- [WHAT IS REQUIRED]
Reproduce the entries shown below only from the line with "#6=IFCSIUNIT(*,.PLANEANGLEUNIT.,$,.RADIAN.);" down to the line with "#17=IFCRAILING('0000000000000000000005',$,'L47 ST-03 stair", keeping both end lines and copying each one exactly.

___ THE RECORDS ___

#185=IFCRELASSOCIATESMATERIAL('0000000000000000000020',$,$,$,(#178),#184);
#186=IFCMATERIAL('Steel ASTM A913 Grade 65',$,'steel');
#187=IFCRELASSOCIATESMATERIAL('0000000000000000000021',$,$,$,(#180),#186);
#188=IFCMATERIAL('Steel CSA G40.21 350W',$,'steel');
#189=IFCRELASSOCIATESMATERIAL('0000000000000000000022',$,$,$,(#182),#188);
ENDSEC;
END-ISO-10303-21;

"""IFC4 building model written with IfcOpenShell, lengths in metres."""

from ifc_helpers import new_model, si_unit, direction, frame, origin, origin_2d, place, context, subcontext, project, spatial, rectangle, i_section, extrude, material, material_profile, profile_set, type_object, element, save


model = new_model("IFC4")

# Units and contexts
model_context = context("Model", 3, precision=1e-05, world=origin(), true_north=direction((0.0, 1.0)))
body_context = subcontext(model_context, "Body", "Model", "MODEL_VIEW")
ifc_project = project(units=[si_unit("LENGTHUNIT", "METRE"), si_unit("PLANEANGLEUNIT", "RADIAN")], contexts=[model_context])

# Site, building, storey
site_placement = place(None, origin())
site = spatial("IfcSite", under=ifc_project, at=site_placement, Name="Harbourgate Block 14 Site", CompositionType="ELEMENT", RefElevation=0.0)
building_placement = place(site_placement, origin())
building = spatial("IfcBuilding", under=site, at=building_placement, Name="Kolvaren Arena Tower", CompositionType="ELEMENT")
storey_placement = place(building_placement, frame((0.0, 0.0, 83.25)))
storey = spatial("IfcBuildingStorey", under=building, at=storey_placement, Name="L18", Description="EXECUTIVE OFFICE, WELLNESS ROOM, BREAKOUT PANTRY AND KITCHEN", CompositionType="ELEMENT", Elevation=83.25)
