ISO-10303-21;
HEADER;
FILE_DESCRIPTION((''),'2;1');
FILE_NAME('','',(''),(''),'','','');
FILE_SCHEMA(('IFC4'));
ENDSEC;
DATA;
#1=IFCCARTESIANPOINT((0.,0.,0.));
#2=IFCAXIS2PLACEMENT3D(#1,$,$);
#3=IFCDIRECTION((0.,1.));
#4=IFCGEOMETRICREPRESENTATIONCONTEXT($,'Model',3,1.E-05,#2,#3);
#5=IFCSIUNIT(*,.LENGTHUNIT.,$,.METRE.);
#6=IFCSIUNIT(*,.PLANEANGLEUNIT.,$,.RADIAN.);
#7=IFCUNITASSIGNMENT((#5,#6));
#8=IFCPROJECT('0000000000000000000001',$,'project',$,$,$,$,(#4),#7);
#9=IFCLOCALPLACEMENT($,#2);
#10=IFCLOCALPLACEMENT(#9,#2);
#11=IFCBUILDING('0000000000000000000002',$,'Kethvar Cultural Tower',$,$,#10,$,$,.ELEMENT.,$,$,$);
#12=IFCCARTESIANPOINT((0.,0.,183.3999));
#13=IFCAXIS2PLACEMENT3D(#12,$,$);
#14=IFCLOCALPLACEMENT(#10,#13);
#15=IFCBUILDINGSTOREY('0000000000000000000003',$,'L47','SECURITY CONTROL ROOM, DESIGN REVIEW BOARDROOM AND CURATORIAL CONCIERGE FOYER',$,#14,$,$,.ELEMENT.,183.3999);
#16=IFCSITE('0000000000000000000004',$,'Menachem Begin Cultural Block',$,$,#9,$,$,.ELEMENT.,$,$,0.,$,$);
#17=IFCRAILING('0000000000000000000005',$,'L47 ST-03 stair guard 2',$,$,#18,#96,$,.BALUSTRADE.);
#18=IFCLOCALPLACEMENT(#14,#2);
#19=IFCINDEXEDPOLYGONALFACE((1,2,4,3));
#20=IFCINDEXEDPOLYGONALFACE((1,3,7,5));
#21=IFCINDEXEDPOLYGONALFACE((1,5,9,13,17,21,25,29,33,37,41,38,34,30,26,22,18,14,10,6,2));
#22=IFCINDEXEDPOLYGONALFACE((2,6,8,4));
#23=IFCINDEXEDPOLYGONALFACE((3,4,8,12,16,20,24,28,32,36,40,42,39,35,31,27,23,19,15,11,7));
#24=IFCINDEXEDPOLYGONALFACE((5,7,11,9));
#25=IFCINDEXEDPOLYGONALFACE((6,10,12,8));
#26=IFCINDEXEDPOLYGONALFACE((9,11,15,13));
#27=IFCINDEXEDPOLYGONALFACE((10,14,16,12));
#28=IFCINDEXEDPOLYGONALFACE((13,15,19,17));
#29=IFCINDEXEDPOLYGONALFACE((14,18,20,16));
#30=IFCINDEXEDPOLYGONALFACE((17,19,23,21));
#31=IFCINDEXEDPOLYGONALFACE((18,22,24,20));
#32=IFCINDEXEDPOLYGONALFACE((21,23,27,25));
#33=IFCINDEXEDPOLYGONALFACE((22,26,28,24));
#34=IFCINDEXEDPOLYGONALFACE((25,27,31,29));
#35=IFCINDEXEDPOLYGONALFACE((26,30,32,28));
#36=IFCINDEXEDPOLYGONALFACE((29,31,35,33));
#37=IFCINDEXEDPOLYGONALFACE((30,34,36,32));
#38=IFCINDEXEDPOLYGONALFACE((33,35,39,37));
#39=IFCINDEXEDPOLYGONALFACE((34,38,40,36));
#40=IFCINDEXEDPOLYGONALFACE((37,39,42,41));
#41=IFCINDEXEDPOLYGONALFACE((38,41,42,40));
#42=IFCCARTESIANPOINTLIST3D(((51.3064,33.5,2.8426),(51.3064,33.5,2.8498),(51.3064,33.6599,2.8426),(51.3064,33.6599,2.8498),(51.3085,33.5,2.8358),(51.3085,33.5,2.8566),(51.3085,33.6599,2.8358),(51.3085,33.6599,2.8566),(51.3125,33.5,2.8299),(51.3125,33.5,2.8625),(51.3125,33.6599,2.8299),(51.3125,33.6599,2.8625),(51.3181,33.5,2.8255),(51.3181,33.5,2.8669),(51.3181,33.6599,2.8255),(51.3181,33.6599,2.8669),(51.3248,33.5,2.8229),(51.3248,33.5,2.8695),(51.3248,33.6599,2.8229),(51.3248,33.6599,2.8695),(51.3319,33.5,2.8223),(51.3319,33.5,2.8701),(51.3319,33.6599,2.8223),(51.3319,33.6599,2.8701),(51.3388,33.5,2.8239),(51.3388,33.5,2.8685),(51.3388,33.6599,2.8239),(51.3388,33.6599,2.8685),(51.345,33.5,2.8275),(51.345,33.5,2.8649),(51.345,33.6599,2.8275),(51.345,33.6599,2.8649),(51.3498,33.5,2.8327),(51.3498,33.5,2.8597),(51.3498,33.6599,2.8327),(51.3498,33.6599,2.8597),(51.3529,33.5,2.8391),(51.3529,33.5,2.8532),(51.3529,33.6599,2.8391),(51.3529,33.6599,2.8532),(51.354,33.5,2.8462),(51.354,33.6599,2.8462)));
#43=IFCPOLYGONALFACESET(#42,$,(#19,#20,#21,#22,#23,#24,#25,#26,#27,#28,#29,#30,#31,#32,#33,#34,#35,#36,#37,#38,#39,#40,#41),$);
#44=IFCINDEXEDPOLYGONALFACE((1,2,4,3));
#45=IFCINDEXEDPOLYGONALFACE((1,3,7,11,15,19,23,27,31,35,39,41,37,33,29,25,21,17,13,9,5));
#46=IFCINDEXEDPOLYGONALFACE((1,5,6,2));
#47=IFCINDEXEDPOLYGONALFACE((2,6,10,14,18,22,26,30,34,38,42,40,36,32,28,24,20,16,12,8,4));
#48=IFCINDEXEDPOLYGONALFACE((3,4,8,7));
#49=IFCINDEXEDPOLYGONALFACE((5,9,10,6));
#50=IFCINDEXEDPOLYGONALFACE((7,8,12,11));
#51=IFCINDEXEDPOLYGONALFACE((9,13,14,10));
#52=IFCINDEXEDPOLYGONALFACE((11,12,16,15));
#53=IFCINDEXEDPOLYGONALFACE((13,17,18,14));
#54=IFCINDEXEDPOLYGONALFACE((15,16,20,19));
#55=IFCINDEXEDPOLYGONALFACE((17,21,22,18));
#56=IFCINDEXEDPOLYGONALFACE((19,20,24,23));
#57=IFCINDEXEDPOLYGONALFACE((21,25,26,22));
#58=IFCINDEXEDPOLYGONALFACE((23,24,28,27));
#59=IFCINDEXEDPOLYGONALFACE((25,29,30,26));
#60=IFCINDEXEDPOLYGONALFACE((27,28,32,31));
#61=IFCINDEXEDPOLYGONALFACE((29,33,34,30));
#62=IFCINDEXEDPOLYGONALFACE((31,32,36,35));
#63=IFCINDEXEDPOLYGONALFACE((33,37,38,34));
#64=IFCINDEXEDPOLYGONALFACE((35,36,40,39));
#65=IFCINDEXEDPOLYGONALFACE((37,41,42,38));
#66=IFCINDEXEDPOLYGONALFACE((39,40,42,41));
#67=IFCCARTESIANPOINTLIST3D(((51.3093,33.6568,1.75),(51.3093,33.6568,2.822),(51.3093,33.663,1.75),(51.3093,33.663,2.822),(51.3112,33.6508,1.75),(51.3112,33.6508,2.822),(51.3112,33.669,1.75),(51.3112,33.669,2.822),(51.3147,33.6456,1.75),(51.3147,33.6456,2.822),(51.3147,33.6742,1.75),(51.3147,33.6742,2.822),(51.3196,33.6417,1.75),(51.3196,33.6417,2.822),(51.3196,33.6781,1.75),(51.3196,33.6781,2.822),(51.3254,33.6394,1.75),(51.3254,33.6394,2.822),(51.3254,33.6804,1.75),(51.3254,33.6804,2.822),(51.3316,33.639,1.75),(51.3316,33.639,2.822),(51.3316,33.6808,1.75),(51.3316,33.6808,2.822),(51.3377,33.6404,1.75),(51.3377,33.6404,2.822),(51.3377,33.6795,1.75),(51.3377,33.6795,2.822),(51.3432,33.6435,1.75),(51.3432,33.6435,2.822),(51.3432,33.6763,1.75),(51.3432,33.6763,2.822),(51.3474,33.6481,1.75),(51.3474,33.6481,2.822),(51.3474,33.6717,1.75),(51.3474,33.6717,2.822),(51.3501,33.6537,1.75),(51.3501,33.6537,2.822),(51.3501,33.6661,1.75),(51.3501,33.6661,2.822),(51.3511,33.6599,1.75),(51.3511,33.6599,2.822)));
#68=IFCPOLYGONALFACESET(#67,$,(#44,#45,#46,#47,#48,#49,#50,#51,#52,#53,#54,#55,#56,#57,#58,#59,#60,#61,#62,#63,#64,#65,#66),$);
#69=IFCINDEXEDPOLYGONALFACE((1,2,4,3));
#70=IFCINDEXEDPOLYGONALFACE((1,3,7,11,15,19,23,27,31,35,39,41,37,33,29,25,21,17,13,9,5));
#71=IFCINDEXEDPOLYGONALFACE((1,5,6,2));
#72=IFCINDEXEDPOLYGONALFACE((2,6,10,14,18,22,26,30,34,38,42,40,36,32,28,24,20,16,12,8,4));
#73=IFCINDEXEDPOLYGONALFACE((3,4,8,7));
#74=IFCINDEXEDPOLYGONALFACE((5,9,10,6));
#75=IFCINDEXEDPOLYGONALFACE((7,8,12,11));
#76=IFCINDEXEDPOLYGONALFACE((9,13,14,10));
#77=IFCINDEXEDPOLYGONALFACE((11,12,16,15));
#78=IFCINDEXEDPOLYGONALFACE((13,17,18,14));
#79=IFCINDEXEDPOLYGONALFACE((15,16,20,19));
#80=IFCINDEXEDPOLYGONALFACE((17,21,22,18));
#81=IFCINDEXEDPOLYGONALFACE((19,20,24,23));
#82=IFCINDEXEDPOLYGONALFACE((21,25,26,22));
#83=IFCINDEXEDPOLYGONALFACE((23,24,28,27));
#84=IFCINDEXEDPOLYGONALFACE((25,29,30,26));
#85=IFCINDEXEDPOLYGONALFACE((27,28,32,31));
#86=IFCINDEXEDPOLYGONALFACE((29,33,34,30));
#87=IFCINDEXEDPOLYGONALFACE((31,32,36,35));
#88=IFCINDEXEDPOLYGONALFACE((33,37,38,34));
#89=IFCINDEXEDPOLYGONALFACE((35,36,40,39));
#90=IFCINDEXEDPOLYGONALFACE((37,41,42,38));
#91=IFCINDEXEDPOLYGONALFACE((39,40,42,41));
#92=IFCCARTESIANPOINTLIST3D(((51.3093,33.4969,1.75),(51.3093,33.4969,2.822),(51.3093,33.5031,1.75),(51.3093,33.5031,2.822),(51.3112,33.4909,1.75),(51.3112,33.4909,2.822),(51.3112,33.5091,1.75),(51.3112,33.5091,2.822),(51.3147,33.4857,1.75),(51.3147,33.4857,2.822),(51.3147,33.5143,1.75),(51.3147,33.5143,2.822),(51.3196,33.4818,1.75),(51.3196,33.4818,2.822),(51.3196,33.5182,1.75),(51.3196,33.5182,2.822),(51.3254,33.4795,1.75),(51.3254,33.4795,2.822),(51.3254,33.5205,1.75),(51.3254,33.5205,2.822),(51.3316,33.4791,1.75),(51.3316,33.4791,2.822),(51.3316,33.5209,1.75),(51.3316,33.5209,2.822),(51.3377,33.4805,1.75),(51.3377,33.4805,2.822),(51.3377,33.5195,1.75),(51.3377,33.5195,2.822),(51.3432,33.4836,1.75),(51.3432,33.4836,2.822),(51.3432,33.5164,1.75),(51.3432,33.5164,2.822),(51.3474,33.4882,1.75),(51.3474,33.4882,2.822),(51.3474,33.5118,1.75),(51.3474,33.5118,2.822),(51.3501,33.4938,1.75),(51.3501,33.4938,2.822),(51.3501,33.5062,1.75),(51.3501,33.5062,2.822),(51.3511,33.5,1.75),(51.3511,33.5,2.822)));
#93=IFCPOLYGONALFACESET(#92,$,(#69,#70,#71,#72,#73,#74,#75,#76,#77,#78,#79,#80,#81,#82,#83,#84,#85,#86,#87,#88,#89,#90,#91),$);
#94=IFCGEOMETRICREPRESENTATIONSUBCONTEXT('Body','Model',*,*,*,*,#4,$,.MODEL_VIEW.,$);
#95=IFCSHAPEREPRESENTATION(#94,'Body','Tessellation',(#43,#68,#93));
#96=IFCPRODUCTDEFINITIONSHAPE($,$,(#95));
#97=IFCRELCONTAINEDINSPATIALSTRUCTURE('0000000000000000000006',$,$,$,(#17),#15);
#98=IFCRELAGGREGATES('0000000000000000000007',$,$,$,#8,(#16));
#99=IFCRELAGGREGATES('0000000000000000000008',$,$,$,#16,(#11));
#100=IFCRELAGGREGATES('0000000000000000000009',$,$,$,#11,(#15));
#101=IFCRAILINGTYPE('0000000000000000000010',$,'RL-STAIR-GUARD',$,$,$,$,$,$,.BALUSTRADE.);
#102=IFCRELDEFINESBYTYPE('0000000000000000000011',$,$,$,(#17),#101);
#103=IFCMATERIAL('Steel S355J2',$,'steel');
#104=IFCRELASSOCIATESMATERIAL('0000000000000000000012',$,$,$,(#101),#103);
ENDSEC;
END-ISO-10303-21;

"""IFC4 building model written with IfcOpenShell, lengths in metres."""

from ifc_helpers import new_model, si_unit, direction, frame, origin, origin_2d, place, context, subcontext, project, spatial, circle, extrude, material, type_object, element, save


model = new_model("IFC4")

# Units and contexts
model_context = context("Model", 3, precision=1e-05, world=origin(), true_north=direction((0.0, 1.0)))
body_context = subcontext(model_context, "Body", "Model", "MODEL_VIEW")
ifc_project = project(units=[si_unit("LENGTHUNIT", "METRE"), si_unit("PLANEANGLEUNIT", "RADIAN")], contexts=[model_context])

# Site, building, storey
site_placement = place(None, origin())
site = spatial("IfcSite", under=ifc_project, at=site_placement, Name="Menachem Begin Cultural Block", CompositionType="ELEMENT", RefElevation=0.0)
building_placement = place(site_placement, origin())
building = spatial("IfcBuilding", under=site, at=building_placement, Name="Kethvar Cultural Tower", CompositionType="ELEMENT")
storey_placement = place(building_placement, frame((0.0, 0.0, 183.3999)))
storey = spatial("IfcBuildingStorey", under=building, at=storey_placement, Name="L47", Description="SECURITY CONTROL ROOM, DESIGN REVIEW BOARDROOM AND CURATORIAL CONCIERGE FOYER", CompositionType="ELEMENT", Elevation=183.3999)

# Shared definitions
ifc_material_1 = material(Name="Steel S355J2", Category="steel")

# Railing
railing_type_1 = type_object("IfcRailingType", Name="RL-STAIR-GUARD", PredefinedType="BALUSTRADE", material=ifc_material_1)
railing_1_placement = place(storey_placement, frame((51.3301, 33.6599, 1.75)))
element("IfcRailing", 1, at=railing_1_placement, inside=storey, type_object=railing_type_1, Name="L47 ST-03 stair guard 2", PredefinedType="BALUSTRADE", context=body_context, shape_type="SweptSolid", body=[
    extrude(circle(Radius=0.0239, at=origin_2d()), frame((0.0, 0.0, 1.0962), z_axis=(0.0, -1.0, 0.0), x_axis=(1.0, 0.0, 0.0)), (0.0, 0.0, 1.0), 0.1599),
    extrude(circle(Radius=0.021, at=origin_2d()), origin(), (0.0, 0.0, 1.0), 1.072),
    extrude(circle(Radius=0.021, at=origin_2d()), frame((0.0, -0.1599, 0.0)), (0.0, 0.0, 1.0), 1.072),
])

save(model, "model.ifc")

___

- [WRITTEN SOLUTION]
#6=IFCSIUNIT(*,.PLANEANGLEUNIT.,$,.RADIAN.);
#7=IFCUNITASSIGNMENT((#5,#6));
#8=IFCPROJECT('0000000000000000000001',$,'project',$,$,$,$,(#4),#7);
#9=IFCLOCALPLACEMENT($,#2);
#10=IFCLOCALPLACEMENT(#9,#2);
#11=IFCBUILDING('0000000000000000000002',$,'Kethvar Cultural Tower',$,$,#10,$,$,.ELEMENT.,$,$,$);
#12=IFCCARTESIANPOINT((0.,0.,183.3999));
#13=IFCAXIS2PLACEMENT3D(#12,$,$);
#14=IFCLOCALPLACEMENT(#10,#13);
#15=IFCBUILDINGSTOREY('0000000000000000000003',$,'L47','SECURITY CONTROL ROOM, DESIGN REVIEW BOARDROOM AND CURATORIAL CONCIERGE FOYER',$,#14,$,$,.ELEMENT.,183.3999);
#16=IFCSITE('0000000000000000000004',$,'Menachem Begin Cultural Block',$,$,#9,$,$,.ELEMENT.,$,$,0.,$,$);
#17=IFCRAILING('0000000000000000000005',$,'L47 ST-03 stair guard 2',$,$,#18,#96,$,.BALUSTRADE.);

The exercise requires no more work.